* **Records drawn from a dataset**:
|---|

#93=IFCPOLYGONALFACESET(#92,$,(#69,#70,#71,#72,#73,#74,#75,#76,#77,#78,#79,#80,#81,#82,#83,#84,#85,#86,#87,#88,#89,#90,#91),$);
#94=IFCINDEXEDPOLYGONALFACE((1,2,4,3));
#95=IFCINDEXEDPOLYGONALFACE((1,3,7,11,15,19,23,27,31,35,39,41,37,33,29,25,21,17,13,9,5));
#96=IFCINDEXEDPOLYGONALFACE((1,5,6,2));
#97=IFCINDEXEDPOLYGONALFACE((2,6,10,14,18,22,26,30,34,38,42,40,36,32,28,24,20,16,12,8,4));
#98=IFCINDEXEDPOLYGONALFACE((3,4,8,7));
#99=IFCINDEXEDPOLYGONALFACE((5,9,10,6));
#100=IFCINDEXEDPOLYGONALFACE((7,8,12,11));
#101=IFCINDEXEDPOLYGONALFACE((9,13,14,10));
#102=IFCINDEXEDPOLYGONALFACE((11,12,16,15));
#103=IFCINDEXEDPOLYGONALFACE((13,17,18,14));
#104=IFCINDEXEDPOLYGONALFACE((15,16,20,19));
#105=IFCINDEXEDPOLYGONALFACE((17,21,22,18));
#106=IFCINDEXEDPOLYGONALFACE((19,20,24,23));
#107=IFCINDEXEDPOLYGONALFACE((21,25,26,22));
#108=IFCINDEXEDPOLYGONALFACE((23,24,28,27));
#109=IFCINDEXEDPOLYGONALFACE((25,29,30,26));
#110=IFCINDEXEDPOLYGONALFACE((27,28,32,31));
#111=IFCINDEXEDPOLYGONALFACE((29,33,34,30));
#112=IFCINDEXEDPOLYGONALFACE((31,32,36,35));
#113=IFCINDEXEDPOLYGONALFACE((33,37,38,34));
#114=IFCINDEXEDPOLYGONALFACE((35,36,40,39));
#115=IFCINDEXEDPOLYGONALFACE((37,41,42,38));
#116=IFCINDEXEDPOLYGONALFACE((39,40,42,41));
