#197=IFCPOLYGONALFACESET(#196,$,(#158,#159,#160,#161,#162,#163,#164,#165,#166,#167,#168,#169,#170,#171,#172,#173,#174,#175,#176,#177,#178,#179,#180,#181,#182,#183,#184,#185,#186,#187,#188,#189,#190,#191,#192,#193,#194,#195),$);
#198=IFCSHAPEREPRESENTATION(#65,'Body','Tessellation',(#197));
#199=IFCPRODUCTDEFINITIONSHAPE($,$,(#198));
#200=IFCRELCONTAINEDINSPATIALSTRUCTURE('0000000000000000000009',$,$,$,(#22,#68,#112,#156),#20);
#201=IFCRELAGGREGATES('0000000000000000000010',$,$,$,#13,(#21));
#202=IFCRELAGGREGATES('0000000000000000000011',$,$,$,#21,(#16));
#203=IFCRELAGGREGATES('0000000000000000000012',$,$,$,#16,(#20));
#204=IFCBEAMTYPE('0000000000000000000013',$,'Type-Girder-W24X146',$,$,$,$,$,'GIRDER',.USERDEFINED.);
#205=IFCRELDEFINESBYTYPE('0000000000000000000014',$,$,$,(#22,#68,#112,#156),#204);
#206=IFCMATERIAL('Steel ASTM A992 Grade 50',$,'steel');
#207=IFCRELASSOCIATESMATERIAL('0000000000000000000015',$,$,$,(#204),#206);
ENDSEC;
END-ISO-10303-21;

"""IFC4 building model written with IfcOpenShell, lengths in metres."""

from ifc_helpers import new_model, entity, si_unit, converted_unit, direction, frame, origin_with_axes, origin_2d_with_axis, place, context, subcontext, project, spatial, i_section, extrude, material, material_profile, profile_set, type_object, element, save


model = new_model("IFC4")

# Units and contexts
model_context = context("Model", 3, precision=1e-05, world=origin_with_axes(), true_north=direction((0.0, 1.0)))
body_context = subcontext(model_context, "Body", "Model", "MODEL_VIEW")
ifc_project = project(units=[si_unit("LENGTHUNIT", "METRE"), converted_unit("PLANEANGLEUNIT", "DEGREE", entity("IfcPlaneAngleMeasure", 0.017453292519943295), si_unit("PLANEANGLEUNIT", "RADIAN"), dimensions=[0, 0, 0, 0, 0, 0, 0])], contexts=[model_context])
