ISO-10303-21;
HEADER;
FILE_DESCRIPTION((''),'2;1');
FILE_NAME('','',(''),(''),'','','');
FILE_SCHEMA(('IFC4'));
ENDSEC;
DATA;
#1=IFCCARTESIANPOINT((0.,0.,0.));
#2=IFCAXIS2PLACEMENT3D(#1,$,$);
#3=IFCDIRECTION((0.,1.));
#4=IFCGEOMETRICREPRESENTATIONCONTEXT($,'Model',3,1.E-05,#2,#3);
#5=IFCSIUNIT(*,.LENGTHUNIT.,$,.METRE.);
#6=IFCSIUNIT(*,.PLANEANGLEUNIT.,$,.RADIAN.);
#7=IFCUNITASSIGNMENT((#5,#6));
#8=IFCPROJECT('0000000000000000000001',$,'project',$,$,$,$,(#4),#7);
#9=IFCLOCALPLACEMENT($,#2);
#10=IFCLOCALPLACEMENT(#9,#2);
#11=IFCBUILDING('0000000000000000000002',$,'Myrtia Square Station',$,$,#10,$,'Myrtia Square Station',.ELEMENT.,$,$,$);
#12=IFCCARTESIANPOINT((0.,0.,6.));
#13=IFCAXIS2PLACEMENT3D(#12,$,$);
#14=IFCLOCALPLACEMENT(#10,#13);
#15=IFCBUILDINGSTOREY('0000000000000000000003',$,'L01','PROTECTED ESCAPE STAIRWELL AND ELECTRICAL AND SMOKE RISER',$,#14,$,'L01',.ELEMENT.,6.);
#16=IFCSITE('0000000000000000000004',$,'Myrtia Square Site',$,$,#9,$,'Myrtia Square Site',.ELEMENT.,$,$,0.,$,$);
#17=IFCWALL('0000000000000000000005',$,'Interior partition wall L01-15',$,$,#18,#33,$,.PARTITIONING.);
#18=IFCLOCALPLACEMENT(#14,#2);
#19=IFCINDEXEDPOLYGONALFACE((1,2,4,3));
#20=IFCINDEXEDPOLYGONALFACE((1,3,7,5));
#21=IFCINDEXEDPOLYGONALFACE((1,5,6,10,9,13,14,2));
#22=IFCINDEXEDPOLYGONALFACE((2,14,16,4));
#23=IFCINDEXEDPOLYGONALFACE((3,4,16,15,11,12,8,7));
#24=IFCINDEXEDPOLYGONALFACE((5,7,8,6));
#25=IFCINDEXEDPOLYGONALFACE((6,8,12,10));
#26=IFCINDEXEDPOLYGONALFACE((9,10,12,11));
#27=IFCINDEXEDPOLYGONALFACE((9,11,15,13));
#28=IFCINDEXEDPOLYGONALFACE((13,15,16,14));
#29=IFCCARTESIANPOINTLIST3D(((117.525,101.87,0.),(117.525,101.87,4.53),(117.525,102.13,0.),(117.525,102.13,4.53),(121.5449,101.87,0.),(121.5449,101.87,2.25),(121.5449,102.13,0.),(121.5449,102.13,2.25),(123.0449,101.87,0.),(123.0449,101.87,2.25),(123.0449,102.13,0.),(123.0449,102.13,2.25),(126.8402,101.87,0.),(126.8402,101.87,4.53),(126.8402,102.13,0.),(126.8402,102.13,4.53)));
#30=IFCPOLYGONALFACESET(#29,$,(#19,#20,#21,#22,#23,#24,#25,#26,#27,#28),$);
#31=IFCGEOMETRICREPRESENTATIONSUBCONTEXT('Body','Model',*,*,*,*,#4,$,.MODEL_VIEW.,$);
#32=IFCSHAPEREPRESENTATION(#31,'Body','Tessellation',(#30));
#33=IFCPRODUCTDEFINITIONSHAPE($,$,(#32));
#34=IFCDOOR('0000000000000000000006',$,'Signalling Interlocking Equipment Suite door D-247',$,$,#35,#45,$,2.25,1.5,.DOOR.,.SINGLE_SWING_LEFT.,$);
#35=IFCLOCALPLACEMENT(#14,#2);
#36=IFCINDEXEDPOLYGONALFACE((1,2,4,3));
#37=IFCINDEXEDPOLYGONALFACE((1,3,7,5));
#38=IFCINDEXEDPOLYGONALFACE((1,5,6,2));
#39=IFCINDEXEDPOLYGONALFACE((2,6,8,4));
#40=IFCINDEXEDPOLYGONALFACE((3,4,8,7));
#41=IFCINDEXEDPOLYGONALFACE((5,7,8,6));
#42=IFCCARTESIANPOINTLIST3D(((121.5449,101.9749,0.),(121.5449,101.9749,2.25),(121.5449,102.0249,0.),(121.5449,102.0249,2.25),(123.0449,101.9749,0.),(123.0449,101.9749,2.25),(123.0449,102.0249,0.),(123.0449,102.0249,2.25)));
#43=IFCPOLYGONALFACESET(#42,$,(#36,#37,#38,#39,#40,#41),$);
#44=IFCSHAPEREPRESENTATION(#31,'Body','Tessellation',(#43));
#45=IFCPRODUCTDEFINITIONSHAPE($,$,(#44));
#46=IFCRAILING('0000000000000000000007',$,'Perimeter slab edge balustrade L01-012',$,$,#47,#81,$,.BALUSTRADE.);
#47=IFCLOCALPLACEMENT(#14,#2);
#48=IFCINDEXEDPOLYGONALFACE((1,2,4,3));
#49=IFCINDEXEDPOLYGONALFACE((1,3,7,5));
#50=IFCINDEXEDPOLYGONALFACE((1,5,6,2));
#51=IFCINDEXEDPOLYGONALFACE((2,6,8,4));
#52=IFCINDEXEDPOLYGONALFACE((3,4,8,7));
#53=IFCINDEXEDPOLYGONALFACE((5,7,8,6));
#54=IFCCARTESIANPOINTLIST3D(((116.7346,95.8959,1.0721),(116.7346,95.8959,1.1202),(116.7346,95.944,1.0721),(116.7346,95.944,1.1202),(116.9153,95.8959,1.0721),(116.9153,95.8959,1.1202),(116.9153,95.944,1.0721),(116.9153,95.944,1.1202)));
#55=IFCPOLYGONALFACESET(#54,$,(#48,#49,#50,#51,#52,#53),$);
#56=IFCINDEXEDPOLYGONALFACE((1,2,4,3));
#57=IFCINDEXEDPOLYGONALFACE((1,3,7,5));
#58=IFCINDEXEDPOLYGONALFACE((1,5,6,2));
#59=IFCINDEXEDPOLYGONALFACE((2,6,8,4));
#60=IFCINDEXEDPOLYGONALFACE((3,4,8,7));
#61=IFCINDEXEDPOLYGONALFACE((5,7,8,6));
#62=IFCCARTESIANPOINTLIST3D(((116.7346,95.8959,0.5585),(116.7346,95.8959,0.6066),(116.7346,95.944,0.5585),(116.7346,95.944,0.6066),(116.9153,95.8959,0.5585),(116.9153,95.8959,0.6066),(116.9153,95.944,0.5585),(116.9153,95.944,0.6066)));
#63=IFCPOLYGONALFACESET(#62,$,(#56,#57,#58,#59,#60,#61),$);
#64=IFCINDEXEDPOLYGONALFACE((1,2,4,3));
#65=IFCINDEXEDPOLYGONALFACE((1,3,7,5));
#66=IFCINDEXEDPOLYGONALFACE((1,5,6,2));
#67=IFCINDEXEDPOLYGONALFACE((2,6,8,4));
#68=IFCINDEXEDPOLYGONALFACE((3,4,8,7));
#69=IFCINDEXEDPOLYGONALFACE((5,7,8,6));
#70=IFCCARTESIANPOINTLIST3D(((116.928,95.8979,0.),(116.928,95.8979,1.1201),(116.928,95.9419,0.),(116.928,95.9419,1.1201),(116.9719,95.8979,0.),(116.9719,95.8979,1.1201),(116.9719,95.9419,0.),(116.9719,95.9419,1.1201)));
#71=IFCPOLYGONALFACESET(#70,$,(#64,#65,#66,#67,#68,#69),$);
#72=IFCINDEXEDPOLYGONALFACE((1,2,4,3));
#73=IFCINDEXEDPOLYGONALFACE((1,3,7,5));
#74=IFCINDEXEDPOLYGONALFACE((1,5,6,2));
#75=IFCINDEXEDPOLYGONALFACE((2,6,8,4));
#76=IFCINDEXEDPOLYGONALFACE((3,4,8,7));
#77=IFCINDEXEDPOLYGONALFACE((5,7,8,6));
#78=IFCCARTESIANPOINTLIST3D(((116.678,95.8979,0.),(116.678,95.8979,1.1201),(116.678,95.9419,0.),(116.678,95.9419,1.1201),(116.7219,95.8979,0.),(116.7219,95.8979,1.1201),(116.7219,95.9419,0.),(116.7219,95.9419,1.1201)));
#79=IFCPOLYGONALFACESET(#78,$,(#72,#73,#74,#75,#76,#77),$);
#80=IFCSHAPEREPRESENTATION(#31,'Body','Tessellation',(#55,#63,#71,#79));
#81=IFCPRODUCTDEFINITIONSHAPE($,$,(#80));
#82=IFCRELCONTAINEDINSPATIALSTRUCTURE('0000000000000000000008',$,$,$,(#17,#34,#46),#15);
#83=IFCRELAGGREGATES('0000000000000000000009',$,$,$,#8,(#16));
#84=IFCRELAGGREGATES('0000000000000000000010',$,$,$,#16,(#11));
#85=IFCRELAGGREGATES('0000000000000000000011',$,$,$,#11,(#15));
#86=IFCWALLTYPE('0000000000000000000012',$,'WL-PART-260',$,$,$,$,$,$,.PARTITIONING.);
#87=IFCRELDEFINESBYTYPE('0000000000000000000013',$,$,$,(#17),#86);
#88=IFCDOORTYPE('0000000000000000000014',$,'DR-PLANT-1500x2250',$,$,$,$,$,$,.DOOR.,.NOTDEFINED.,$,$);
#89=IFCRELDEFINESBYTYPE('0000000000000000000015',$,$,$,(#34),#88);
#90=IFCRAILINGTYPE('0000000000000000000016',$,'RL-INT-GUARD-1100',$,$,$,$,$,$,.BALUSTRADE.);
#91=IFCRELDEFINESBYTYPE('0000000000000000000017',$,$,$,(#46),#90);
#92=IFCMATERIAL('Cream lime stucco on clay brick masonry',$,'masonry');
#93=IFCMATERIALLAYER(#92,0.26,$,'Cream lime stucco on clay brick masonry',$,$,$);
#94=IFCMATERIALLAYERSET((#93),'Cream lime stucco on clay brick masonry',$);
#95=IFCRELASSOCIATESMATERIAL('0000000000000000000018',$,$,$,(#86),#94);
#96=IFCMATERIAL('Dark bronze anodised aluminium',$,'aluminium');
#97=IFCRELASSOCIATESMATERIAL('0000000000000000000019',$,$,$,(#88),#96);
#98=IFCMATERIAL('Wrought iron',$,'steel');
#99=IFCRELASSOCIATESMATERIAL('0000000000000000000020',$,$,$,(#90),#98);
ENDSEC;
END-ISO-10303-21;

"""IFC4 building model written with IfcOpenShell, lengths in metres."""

from ifc_helpers import new_model, si_unit, direction, frame, frame_2d, origin, origin_2d, place, context, subcontext, project, spatial, rectangle, extrude, material, layer, layer_set, type_object, element, fill, save


model = new_model("IFC4")

# Units and contexts
model_context = context("Model", 3, precision=1e-05, world=origin(), true_north=direction((0.0, 1.0)))
body_context = subcontext(model_context, "Body", "Model", "MODEL_VIEW")
ifc_project = project(units=[si_unit("LENGTHUNIT", "METRE"), si_unit("PLANEANGLEUNIT", "RADIAN")], contexts=[model_context])

# Site, building, storey
site_placement = place(None, origin())
site = spatial("IfcSite", under=ifc_project, at=site_placement, Name="Myrtia Square Site", LongName="Myrtia Square Site", CompositionType="ELEMENT", RefElevation=0.0)
building_placement = place(site_placement, origin())
building = spatial("IfcBuilding", under=site, at=building_placement, Name="Myrtia Square Station", LongName="Myrtia Square Station", CompositionType="ELEMENT")
storey_placement = place(building_placement, frame((0.0, 0.0, 6.0)))
storey = spatial("IfcBuildingStorey", under=building, at=storey_placement, Name="L01", Description="PROTECTED ESCAPE STAIRWELL AND ELECTRICAL AND SMOKE RISER", LongName="L01", CompositionType="ELEMENT", Elevation=6.0)

# Shared definitions
ifc_material_1 = material(Name="Dark bronze anodised aluminium", Category="aluminium")

# Shared definitions
ifc_material_2 = material(Name="Cream lime stucco on clay brick masonry", Category="masonry")

# Wall, opening, door
ifc_layer_1 = layer(ifc_material_2, 0.26, Name="Cream lime stucco on clay brick masonry")
ifc_layer_set_1 = layer_set([ifc_layer_1], Name="Cream lime stucco on clay brick masonry")
wall_type_1 = type_object("IfcWallType", Name="WL-PART-260", PredefinedType="PARTITIONING", material=ifc_layer_set_1)
wall_1_placement = place(storey_placement, frame((117.5249, 102.0, 0.0), z_axis=(0.0, 0.0, 1.0), x_axis=(1.0, 0.0, 0.0)))
wall_1 = element("IfcWall", 1, at=wall_1_placement, inside=storey, type_object=wall_type_1, Name="Interior partition wall L01-15", PredefinedType="PARTITIONING", context=body_context, shape_type="SweptSolid", body=[
    extrude(rectangle(XDim=9.3152, YDim=0.26, at=frame_2d((4.6577, 0.0))), origin(), (0.0, 0.0, 1.0), 4.53),
])
opening_placement = place(wall_1_placement, frame((4.02, 0.0, 0.0)))
opening = element("IfcOpeningElement", 2, at=opening_placement, cuts=wall_1, PredefinedType="OPENING", context=body_context, shape_type="SweptSolid", body=[
    extrude(rectangle(XDim=1.5, YDim=2.25, at=frame_2d((0.75, 1.125))), frame((0.0, 0.145, 0.0), z_axis=(0.0, -1.0, 0.0), x_axis=(1.0, 0.0, 0.0)), (0.0, 0.0, 1.0), 0.29),
])
door_type = type_object("IfcDoorType", Name="DR-PLANT-1500x2250", OperationType="NOTDEFINED", PredefinedType="DOOR", material=ifc_material_1)
door_placement = place(opening_placement, origin())
door = element("IfcDoor", 3, at=door_placement, inside=storey, type_object=door_type, Name="Signalling Interlocking Equipment Suite door D-247", OperationType="SINGLE_SWING_LEFT", OverallHeight=2.25, OverallWidth=1.5, PredefinedType="DOOR", context=body_context, shape_type="SweptSolid", body=[
    extrude(rectangle(XDim=1.5, YDim=2.25, at=frame_2d((0.75, 1.125))), frame((0.0, 0.0249, 0.0), z_axis=(0.0, -1.0, 0.0), x_axis=(1.0, 0.0, 0.0)), (0.0, 0.0, 1.0), 0.05),
])
fill(opening, door)

# Railing
ifc_material_3 = material(Name="Wrought iron", Category="steel")
railing_type = type_object("IfcRailingType", Name="RL-INT-GUARD-1100", PredefinedType="BALUSTRADE", material=ifc_material_3)
railing_1_placement = place(storey_placement, frame((116.95, 95.9199, 0.0)))
element("IfcRailing", 4, at=railing_1_placement, inside=storey, type_object=railing_type, Name="Perimeter slab edge balustrade L01-012", PredefinedType="BALUSTRADE", context=body_context, shape_type="SweptSolid", body=[
    extrude(rectangle(XDim=0.0481, YDim=0.0481, at=origin_2d()), frame((-0.0347, 0.0, 1.0962), z_axis=(-1.0, 0.0, 0.0), x_axis=(0.0, -1.0, 0.0)), (0.0, 0.0, 1.0), 0.1807),
    extrude(rectangle(XDim=0.0481, YDim=0.0481, at=origin_2d()), frame((-0.0347, 0.0, 0.5825), z_axis=(-1.0, 0.0, 0.0), x_axis=(0.0, -1.0, 0.0)), (0.0, 0.0, 1.0), 0.1807),
    extrude(rectangle(XDim=0.0439, YDim=0.0439, at=origin_2d()), origin(), (0.0, 0.0, 1.0), 1.1201),
    extrude(rectangle(XDim=0.0439, YDim=0.0439, at=origin_2d()), frame((-0.25, 0.0, 0.0)), (0.0, 0.0, 1.0), 1.1201),
])

save(model, "model.ifc")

|---|

* **Exercise details**: Whenever the string "IFCSIUNIT" occurs in a line of the entries above, copy that line.

* **Result of this task**:
#5=IFCSIUNIT(*,.LENGTHUNIT.,$,.METRE.);
#6=IFCSIUNIT(*,.PLANEANGLEUNIT.,$,.RADIAN.);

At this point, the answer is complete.